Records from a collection
▶
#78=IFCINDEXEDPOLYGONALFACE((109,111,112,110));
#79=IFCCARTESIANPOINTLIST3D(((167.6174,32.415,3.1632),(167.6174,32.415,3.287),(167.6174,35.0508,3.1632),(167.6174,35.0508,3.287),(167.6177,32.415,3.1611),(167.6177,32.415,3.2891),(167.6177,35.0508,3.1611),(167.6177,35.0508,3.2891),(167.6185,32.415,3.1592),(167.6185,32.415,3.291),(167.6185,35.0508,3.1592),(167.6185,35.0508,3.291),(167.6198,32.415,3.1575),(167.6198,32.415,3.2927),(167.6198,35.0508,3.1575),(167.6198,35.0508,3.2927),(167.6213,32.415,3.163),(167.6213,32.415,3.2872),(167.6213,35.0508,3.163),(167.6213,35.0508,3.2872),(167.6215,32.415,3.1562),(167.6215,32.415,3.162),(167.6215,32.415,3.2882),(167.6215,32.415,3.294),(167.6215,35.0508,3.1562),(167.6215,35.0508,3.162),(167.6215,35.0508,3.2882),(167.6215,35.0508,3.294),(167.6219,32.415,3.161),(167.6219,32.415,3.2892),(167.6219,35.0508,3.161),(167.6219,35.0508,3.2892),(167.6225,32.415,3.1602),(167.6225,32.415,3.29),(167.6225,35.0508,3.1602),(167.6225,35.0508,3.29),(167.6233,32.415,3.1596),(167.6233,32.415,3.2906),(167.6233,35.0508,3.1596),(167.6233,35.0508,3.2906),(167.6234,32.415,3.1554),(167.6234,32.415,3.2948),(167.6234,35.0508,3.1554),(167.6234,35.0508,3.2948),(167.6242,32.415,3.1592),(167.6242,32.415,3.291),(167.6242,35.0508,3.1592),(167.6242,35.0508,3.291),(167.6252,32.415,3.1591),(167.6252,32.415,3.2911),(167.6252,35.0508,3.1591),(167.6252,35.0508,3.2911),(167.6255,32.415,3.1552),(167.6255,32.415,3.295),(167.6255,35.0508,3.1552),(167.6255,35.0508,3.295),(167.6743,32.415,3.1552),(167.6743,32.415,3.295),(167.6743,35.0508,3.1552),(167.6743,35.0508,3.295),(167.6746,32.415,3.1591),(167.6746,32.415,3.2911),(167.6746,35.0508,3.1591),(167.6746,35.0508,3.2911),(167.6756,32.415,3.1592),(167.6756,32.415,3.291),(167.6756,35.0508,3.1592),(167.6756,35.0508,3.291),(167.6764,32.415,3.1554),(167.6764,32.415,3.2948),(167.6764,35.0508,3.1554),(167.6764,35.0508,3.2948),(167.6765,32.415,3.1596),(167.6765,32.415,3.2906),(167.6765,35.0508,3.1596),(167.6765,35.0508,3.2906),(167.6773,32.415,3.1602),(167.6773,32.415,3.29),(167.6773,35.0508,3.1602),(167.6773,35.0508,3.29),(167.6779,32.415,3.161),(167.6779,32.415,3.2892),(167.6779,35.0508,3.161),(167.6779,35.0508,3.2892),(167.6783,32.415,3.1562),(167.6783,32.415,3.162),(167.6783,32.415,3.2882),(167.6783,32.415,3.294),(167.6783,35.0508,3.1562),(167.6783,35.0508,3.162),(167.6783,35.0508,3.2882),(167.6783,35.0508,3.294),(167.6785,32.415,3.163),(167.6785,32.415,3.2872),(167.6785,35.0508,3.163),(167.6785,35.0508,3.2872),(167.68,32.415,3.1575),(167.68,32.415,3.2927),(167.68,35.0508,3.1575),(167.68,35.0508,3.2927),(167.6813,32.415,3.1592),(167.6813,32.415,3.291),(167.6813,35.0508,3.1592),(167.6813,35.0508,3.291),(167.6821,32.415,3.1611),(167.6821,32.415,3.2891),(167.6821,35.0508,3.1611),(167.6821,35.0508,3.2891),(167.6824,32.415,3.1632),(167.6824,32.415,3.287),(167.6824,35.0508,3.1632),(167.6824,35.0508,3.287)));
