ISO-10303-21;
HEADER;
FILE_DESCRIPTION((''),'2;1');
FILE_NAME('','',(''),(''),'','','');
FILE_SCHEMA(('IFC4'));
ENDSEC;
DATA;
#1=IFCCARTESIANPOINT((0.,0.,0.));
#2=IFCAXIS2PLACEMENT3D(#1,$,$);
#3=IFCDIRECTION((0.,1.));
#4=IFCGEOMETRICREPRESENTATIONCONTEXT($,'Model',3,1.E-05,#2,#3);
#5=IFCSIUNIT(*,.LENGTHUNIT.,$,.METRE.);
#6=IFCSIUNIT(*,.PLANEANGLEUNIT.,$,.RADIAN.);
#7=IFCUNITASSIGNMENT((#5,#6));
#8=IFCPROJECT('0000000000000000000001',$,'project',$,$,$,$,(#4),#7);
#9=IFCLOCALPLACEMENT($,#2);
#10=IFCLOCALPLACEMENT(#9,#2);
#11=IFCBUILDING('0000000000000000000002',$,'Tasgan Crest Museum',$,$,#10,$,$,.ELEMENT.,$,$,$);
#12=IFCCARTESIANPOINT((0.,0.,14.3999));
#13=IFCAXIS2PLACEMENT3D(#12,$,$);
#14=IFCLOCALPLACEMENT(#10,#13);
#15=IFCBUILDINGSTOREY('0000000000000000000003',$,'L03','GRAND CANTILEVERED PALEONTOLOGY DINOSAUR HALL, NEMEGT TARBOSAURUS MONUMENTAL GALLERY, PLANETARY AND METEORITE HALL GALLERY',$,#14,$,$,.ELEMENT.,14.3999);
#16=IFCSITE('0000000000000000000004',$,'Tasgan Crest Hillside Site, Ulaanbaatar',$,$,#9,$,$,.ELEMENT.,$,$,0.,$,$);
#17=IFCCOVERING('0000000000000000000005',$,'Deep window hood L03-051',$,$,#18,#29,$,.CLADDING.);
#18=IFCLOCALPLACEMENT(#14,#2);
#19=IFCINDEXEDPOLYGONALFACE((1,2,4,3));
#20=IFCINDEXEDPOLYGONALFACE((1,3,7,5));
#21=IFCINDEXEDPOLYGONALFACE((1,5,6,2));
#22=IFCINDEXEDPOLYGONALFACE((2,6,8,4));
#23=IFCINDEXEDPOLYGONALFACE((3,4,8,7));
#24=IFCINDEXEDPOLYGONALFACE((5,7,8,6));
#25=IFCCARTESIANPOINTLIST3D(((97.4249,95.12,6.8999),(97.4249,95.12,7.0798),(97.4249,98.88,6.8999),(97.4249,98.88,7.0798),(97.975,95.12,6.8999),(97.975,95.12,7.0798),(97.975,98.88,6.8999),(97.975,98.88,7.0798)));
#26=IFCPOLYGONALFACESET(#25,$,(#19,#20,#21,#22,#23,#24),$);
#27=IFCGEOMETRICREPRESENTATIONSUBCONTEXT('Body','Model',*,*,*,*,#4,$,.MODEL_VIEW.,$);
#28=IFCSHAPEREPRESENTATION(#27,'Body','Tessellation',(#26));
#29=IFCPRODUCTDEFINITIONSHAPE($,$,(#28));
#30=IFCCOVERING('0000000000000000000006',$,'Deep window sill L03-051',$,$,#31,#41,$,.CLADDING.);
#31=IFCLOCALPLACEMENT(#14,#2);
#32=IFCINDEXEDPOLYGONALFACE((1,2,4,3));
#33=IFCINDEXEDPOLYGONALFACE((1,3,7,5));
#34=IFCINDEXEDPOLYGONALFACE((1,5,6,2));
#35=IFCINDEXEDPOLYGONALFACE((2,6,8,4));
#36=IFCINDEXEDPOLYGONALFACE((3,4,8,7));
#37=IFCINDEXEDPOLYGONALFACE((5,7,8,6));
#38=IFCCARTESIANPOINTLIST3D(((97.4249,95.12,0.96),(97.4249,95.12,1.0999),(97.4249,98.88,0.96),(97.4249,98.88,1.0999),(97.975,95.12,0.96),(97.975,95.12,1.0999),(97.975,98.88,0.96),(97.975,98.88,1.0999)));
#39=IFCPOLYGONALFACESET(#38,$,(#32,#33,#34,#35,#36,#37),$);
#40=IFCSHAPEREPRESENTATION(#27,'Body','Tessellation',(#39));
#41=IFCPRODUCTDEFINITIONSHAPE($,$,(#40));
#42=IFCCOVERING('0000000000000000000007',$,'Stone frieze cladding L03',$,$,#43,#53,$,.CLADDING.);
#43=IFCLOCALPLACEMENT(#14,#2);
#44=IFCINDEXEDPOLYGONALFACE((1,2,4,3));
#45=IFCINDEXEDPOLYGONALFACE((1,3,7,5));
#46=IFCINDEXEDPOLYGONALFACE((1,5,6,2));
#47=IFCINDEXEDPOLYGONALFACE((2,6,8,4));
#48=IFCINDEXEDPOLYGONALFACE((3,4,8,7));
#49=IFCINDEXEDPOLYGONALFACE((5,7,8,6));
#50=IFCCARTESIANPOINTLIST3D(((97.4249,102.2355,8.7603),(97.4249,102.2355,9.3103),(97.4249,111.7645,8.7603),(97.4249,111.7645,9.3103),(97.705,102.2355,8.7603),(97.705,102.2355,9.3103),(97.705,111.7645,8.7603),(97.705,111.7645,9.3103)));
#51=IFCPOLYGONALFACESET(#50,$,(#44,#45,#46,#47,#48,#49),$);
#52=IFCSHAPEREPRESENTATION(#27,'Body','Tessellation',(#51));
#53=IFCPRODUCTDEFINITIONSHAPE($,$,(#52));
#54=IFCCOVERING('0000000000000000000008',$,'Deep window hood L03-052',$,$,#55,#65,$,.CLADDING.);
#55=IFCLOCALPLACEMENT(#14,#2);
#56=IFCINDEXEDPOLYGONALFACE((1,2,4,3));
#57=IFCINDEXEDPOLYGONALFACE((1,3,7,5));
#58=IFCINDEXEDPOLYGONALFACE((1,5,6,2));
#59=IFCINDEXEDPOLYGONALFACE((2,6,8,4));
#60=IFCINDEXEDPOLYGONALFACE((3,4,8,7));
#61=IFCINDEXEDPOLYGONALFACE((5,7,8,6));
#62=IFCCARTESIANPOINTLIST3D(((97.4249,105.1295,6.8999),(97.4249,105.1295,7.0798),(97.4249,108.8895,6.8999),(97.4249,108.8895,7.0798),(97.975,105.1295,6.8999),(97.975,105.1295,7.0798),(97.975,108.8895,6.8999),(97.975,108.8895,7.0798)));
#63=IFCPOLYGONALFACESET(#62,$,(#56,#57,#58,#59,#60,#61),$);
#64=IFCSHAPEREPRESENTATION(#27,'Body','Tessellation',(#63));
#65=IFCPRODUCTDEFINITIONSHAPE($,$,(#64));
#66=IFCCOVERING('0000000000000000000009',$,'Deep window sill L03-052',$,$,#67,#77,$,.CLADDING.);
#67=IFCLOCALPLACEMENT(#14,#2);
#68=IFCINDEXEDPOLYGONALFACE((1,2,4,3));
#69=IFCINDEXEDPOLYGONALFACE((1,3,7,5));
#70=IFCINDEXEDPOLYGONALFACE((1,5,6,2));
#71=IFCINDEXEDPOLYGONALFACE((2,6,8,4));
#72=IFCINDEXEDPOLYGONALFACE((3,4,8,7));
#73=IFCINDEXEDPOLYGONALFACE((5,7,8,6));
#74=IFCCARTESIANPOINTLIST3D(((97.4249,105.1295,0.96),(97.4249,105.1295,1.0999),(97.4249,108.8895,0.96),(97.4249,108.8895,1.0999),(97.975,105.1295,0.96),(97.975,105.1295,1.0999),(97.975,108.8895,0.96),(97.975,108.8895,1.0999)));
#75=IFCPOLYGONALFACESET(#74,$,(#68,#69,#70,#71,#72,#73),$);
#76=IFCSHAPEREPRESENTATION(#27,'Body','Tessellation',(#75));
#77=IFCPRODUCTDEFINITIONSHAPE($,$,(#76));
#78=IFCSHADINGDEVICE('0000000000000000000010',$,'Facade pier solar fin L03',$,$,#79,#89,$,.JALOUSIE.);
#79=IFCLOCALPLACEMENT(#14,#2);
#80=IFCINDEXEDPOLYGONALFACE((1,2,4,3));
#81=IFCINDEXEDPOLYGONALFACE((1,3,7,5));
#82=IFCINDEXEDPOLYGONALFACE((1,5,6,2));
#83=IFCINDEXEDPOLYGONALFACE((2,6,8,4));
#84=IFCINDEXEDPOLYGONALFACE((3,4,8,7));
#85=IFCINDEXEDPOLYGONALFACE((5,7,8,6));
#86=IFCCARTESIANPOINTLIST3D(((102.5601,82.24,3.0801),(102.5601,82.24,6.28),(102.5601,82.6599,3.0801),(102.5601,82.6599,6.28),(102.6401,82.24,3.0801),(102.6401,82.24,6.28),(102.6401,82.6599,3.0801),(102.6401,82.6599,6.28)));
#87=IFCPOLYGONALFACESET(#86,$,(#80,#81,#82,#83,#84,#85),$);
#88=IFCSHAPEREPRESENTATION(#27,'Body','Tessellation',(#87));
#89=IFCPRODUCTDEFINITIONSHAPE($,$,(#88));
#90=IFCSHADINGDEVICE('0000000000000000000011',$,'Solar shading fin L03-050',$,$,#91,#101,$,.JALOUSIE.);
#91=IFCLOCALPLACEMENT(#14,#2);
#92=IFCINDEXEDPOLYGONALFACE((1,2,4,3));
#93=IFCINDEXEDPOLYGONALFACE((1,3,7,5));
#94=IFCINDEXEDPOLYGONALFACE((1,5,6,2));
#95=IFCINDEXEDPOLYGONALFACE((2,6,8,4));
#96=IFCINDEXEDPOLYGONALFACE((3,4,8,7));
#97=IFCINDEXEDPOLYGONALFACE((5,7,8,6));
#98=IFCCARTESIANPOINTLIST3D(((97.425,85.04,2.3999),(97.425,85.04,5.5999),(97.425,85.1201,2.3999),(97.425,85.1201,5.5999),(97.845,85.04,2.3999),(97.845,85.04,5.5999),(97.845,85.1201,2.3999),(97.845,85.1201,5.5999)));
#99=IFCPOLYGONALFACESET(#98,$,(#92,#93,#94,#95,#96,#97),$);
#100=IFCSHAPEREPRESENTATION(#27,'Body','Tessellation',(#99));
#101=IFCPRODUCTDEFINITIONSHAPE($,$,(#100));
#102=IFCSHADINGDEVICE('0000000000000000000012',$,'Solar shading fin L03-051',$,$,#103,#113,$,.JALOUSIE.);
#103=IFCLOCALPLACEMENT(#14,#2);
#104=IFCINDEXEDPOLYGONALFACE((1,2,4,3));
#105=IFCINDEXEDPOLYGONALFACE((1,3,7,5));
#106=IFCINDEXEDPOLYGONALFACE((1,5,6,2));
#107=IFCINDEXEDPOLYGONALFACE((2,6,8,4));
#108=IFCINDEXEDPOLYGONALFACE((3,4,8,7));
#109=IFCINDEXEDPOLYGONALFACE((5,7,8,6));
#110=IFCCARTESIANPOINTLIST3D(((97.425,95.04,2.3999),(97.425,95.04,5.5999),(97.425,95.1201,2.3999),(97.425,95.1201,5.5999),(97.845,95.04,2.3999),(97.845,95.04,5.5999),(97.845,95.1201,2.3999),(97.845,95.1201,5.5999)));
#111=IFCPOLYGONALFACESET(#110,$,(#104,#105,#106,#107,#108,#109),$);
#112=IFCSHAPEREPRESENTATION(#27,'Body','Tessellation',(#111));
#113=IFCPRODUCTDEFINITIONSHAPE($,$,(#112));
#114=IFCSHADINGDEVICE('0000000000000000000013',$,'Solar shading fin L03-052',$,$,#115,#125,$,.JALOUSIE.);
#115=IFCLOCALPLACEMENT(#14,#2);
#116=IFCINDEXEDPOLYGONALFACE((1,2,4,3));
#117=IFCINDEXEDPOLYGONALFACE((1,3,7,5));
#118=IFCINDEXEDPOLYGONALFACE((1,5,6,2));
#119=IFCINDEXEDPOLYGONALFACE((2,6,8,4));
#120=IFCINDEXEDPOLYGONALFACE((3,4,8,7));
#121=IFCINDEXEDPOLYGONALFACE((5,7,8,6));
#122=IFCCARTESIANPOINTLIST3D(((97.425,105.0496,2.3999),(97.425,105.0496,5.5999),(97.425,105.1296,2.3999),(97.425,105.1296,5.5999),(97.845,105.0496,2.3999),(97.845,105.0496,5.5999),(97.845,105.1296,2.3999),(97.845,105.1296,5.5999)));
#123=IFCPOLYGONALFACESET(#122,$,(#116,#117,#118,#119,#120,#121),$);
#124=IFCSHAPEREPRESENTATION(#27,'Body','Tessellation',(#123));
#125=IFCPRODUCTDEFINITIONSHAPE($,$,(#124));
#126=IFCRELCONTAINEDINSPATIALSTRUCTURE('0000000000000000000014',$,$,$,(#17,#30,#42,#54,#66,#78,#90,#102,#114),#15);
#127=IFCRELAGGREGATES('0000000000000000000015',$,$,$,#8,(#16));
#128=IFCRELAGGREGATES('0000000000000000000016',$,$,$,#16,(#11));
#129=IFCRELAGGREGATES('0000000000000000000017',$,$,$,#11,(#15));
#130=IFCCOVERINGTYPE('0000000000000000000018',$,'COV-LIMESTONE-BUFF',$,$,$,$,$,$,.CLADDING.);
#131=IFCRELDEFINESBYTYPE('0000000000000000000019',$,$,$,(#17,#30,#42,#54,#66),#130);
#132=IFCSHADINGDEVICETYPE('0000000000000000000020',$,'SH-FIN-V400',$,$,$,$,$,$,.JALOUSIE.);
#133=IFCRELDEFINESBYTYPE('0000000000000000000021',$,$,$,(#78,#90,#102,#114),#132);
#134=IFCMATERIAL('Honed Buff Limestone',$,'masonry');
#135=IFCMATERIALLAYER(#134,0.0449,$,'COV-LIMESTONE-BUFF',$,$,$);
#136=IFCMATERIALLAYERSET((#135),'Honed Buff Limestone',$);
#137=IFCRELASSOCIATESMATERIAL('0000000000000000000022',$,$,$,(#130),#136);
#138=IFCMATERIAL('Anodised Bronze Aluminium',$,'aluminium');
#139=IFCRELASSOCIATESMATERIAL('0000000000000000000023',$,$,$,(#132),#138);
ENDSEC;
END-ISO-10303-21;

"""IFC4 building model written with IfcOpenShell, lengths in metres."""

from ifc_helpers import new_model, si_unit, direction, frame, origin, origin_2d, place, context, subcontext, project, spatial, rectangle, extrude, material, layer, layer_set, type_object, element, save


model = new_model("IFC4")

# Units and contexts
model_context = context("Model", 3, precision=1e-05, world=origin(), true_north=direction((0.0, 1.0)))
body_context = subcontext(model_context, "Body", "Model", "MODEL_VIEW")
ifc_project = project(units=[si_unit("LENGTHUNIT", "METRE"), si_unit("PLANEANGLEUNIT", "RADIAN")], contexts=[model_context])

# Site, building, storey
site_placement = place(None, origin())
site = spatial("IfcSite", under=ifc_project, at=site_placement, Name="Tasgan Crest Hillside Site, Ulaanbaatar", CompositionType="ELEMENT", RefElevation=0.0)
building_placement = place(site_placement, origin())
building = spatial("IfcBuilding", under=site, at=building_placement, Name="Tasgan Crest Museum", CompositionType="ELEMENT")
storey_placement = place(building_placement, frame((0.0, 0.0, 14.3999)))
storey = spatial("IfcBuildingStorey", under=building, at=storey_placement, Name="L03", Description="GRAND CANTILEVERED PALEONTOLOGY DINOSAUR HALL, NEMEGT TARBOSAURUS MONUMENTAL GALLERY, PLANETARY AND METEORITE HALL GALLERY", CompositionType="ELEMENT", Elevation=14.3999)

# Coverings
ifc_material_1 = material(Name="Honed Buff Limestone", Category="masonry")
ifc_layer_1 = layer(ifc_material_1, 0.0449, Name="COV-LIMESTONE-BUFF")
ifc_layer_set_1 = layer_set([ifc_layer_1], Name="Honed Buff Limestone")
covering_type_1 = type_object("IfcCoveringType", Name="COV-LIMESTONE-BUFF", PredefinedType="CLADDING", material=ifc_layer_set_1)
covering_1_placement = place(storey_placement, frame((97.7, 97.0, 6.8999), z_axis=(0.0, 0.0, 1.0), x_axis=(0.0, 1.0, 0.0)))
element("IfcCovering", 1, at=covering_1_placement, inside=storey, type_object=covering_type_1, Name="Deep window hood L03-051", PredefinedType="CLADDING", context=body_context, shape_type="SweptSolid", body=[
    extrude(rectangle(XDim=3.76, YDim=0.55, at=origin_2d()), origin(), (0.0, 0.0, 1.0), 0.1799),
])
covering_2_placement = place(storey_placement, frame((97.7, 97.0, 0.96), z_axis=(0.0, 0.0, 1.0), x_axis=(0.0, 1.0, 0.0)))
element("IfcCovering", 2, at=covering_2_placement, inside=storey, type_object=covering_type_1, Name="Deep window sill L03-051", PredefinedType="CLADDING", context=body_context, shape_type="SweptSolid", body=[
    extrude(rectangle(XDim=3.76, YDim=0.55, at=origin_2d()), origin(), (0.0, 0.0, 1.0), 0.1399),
◀
Above this instruction are the records; retype exactly the lines from the one containing "#87=IFCPOLYGONALFACESET(#86,$,(#80,#81,#82,#83,#84,#85),$);" up to and including the one containing "#95=IFCINDEXEDPOLYGONALFACE((2,6,8,4));".

## Your solution
#87=IFCPOLYGONALFACESET(#86,$,(#80,#81,#82,#83,#84,#85),$);
#88=IFCSHAPEREPRESENTATION(#27,'Body','Tessellation',(#87));
#89=IFCPRODUCTDEFINITIONSHAPE($,$,(#88));
#90=IFCSHADINGDEVICE('0000000000000000000011',$,'Solar shading fin L03-050',$,$,#91,#101,$,.JALOUSIE.);
#91=IFCLOCALPLACEMENT(#14,#2);
#92=IFCINDEXEDPOLYGONALFACE((1,2,4,3));
#93=IFCINDEXEDPOLYGONALFACE((1,3,7,5));
#94=IFCINDEXEDPOLYGONALFACE((1,5,6,2));
#95=IFCINDEXEDPOLYGONALFACE((2,6,8,4));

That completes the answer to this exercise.